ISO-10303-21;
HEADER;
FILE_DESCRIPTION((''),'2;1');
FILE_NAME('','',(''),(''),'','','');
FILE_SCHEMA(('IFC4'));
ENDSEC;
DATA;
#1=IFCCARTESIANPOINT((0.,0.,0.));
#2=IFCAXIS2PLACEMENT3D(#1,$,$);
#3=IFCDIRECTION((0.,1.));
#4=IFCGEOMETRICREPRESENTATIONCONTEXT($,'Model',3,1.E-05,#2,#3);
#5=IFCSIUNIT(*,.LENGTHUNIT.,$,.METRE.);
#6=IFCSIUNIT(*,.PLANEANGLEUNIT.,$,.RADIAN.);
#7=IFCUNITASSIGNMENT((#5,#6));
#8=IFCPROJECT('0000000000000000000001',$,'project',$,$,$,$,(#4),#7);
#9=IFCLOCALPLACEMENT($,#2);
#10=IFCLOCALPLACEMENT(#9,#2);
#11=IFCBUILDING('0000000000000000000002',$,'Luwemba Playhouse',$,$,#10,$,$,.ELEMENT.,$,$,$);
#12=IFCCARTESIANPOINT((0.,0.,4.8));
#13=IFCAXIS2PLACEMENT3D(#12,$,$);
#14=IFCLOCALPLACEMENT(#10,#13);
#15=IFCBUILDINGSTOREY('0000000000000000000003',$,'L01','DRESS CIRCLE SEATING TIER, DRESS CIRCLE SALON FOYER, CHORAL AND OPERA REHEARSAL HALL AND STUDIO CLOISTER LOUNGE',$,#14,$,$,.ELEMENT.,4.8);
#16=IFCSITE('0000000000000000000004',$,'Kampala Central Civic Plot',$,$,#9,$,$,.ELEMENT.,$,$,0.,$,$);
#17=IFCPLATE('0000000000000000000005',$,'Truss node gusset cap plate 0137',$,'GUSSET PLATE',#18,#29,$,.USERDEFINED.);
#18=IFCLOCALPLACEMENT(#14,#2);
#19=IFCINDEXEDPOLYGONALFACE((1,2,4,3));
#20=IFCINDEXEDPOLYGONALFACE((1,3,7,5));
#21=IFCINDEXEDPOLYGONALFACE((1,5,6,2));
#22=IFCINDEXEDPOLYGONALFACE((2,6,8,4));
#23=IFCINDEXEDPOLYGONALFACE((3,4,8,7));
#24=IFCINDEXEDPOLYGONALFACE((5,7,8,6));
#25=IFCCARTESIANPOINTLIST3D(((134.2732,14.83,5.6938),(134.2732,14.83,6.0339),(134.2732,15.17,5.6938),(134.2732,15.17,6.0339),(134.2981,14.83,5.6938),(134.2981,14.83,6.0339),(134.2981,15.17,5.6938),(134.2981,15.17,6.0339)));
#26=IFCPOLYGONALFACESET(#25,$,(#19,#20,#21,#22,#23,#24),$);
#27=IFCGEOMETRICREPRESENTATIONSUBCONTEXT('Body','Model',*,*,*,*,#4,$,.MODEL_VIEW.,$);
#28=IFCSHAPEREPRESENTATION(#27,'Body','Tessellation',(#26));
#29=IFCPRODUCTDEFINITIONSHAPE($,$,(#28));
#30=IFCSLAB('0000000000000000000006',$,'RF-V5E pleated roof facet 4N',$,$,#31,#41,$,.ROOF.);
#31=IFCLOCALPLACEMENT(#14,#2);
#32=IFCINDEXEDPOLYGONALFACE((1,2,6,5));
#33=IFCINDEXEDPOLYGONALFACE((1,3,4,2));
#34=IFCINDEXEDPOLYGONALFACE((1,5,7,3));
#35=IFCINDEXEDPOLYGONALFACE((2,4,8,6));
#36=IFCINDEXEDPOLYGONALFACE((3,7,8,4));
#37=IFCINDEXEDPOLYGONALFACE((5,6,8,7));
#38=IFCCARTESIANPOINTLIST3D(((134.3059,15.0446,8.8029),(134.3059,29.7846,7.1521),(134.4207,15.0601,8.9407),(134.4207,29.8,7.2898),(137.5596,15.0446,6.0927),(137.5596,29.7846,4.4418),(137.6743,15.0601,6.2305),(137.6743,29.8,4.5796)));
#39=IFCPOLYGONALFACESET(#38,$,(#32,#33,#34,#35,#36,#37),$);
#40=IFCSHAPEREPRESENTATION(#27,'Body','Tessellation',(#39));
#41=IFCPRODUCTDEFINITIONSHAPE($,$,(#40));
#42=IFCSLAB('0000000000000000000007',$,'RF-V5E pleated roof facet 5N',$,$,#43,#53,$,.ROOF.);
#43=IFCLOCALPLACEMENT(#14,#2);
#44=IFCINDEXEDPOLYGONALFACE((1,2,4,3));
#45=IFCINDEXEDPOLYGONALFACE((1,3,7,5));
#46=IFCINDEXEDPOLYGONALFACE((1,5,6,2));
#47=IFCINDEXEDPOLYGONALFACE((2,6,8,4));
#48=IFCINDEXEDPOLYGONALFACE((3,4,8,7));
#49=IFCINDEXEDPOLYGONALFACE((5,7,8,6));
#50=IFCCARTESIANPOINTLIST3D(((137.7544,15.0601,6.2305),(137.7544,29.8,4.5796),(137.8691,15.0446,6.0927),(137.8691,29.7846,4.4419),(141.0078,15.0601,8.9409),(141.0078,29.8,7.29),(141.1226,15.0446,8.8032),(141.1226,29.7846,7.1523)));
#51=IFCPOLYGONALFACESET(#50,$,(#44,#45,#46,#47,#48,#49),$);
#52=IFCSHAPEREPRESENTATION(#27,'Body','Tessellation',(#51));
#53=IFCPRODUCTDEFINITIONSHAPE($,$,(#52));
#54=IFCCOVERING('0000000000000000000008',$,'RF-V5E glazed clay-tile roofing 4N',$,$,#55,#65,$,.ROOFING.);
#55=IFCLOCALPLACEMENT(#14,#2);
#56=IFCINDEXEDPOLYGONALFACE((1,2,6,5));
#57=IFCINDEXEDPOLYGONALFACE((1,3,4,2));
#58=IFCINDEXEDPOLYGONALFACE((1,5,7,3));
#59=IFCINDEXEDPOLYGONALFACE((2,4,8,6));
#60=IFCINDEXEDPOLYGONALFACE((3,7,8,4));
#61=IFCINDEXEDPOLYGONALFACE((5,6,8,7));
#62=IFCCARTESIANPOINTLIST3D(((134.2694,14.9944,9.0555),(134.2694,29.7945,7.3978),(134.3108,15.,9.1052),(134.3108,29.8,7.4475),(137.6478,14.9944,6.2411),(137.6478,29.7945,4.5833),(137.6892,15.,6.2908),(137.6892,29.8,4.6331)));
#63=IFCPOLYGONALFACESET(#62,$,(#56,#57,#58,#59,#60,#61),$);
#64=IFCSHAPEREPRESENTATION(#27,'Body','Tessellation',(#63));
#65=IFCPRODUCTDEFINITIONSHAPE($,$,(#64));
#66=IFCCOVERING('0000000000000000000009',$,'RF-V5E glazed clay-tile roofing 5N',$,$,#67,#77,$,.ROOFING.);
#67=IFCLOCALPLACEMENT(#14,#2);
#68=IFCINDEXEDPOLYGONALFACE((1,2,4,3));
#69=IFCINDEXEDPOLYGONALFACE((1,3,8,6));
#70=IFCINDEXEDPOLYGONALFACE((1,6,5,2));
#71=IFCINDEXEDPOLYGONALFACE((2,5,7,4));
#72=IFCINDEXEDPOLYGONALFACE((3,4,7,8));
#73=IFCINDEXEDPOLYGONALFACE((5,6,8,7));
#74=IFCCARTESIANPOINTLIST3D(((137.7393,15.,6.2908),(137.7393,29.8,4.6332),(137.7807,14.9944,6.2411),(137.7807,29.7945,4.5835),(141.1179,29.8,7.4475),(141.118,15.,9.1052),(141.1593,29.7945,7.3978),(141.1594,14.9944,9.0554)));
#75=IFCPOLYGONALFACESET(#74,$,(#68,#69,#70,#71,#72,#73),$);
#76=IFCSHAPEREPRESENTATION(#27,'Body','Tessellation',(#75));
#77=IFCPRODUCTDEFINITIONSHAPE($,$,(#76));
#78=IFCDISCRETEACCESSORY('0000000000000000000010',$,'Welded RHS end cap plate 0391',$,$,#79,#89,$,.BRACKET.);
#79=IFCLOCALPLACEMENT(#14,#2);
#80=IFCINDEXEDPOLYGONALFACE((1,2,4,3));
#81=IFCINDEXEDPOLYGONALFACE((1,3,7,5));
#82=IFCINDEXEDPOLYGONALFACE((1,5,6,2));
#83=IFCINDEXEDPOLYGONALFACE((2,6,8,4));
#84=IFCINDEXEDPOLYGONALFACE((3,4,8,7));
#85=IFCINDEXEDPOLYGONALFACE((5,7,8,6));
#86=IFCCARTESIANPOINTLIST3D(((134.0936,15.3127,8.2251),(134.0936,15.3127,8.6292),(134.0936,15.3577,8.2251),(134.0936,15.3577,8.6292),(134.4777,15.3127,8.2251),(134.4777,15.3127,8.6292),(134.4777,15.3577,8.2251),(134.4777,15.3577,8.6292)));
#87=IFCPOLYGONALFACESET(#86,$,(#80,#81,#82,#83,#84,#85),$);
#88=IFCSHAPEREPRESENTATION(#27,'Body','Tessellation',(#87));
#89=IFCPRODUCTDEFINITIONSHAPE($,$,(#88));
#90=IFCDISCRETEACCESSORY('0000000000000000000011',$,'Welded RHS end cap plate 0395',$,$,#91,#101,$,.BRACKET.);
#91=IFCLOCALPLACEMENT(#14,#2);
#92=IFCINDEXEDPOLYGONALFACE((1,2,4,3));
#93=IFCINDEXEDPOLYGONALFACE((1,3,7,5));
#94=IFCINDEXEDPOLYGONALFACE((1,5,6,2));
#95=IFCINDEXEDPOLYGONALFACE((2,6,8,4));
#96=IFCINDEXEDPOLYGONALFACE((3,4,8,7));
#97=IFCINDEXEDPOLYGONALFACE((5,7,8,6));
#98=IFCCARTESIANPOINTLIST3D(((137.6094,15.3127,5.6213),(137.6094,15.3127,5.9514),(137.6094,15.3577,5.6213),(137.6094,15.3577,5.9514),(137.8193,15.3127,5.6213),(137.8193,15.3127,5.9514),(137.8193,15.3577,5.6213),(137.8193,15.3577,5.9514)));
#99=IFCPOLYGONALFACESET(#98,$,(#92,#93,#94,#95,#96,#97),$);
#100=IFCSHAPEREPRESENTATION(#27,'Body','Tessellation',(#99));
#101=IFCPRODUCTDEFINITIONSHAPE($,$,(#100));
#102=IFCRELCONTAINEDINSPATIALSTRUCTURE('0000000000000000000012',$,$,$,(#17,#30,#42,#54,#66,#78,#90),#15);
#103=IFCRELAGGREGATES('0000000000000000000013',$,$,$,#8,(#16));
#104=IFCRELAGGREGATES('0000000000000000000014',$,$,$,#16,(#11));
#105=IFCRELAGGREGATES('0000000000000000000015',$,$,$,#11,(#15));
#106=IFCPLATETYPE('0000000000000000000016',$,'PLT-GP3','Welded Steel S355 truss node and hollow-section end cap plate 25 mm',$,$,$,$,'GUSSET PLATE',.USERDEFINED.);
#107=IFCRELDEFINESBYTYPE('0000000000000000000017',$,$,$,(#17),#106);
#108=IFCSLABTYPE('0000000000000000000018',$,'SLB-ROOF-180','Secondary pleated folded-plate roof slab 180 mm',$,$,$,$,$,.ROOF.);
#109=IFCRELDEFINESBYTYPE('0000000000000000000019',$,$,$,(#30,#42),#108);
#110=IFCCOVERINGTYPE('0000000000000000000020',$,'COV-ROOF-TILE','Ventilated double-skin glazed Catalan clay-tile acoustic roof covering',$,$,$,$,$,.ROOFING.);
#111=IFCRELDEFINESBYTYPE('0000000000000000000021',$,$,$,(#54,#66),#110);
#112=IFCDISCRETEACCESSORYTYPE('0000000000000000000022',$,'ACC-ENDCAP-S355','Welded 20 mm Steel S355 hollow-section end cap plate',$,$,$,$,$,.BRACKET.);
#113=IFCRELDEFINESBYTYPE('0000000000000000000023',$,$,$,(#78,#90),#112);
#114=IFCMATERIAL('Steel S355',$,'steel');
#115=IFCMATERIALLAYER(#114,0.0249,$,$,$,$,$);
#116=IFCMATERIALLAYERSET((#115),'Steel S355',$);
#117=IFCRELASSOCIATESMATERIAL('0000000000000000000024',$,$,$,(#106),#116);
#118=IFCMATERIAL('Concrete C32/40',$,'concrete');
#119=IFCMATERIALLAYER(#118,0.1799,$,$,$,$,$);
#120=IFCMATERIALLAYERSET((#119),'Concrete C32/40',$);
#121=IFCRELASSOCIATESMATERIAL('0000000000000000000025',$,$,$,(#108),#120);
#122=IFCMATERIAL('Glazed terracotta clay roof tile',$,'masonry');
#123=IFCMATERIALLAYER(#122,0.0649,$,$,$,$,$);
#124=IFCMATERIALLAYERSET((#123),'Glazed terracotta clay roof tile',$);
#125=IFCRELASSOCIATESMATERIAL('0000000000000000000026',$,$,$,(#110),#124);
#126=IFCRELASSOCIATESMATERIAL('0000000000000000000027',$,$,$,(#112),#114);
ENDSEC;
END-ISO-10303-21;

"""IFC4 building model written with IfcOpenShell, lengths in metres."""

from ifc_helpers import new_model, si_unit, direction, frame, origin, origin_2d, place, context, subcontext, project, spatial, polyline, rectangle, outline, extrude, material, layer, layer_set, type_object, element, save


model = new_model("IFC4")

# Units and contexts
model_context = context("Model", 3, precision=1e-05, world=origin(), true_north=direction((0.0, 1.0)))
body_context = subcontext(model_context, "Body", "Model", "MODEL_VIEW")
ifc_project = project(units=[si_unit("LENGTHUNIT", "METRE"), si_unit("PLANEANGLEUNIT", "RADIAN")], contexts=[model_context])

# Site, building, storey
site_placement = place(None, origin())
site = spatial("IfcSite", under=ifc_project, at=site_placement, Name="Kampala Central Civic Plot", CompositionType="ELEMENT", RefElevation=0.0)
building_placement = place(site_placement, origin())
building = spatial("IfcBuilding", under=site, at=building_placement, Name="Luwemba Playhouse", CompositionType="ELEMENT")
storey_placement = place(building_placement, frame((0.0, 0.0, 4.8)))
storey = spatial("IfcBuildingStorey", under=building, at=storey_placement, Name="L01", Description="DRESS CIRCLE SEATING TIER, DRESS CIRCLE SALON FOYER, CHORAL AND OPERA REHEARSAL HALL AND STUDIO CLOISTER LOUNGE", CompositionType="ELEMENT", Elevation=4.8)

# Shared definitions
ifc_material_1 = material(Name="Steel S355", Category="steel")

# Plate
ifc_layer_1 = layer(ifc_material_1, 0.0249)
ifc_layer_set_1 = layer_set([ifc_layer_1], Name="Steel S355")
plate_type_1 = type_object("IfcPlateType", Name="PLT-GP3", Description="Welded Steel S355 truss node and hollow-section end cap plate 25 mm", ElementType="GUSSET PLATE", PredefinedType="USERDEFINED", material=ifc_layer_set_1)
plate_1_placement = place(storey_placement, frame((134.2856, 15.0, 5.6938), z_axis=(0.0, 0.0, 1.0), x_axis=(1.0, 0.0, 0.0)))
element("IfcPlate", 1, at=plate_1_placement, inside=storey, type_object=plate_type_1, Name="Truss node gusset cap plate 0137", ObjectType="GUSSET PLATE", PredefinedType="USERDEFINED", context=body_context, shape_type="SweptSolid", body=[
    extrude(rectangle(XDim=0.0249, YDim=0.3401, at=origin_2d()), origin(), (0.0, 0.0, 1.0), 0.3401),
])

# Slabs
ifc_material_2 = material(Name="Concrete C32/40", Category="concrete")
ifc_layer_2 = layer(ifc_material_2, 0.1799)
ifc_layer_set_2 = layer_set([ifc_layer_2], Name="Concrete C32/40")
slab_type = type_object("IfcSlabType", Name="SLB-ROOF-180", Description="Secondary pleated folded-plate roof slab 180 mm", PredefinedType="ROOF", material=ifc_layer_set_2)
slab_1_placement = place(storey_placement, frame((134.4207, 15.0601, 8.9407), z_axis=(0.637663, 0.085739, 0.765529), x_axis=(0.768358, 0.0, -0.64002)))
element("IfcSlab", 2, at=slab_1_placement, inside=storey, type_object=slab_type, Name="RF-V5E pleated roof facet 4N", PredefinedType="ROOF", context=body_context, shape_type="SweptSolid", body=[
    extrude(outline(polyline([(0.0, 0.0), (4.2346, 0.0), (5.2912, 14.7945), (1.0566, 14.7945), (0.0, 0.0)])), origin(), (0.0, 0.0, -1.0), 0.1799),
])
slab_2_placement = place(storey_placement, frame((137.7544, 15.0601, 6.2305), z_axis=(-0.637726, 0.085733, 0.765478), x_axis=(0.768306, 0.0, 0.640082)))
element("IfcSlab", 3, at=slab_2_placement, inside=storey, type_object=slab_type, Name="RF-V5E pleated roof facet 5N", PredefinedType="ROOF", context=body_context, shape_type="SweptSolid", body=[
    extrude(outline(polyline([(0.0, 0.0), (4.2345, 0.0), (3.1778, 14.7945), (-1.0567, 14.7945), (0.0, 0.0)])), origin(), (0.0, 0.0, -1.0), 0.1799),
])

======

# Work to be completed
For the word "IFCLOCALPLACEMENT", go through the records and show each line that carries it.

# Response area
#9=IFCLOCALPLACEMENT($,#2);
#10=IFCLOCALPLACEMENT(#9,#2);
#14=IFCLOCALPLACEMENT(#10,#13);
#18=IFCLOCALPLACEMENT(#14,#2);
#31=IFCLOCALPLACEMENT(#14,#2);
#43=IFCLOCALPLACEMENT(#14,#2);
#55=IFCLOCALPLACEMENT(#14,#2);
#67=IFCLOCALPLACEMENT(#14,#2);
#79=IFCLOCALPLACEMENT(#14,#2);
#91=IFCLOCALPLACEMENT(#14,#2);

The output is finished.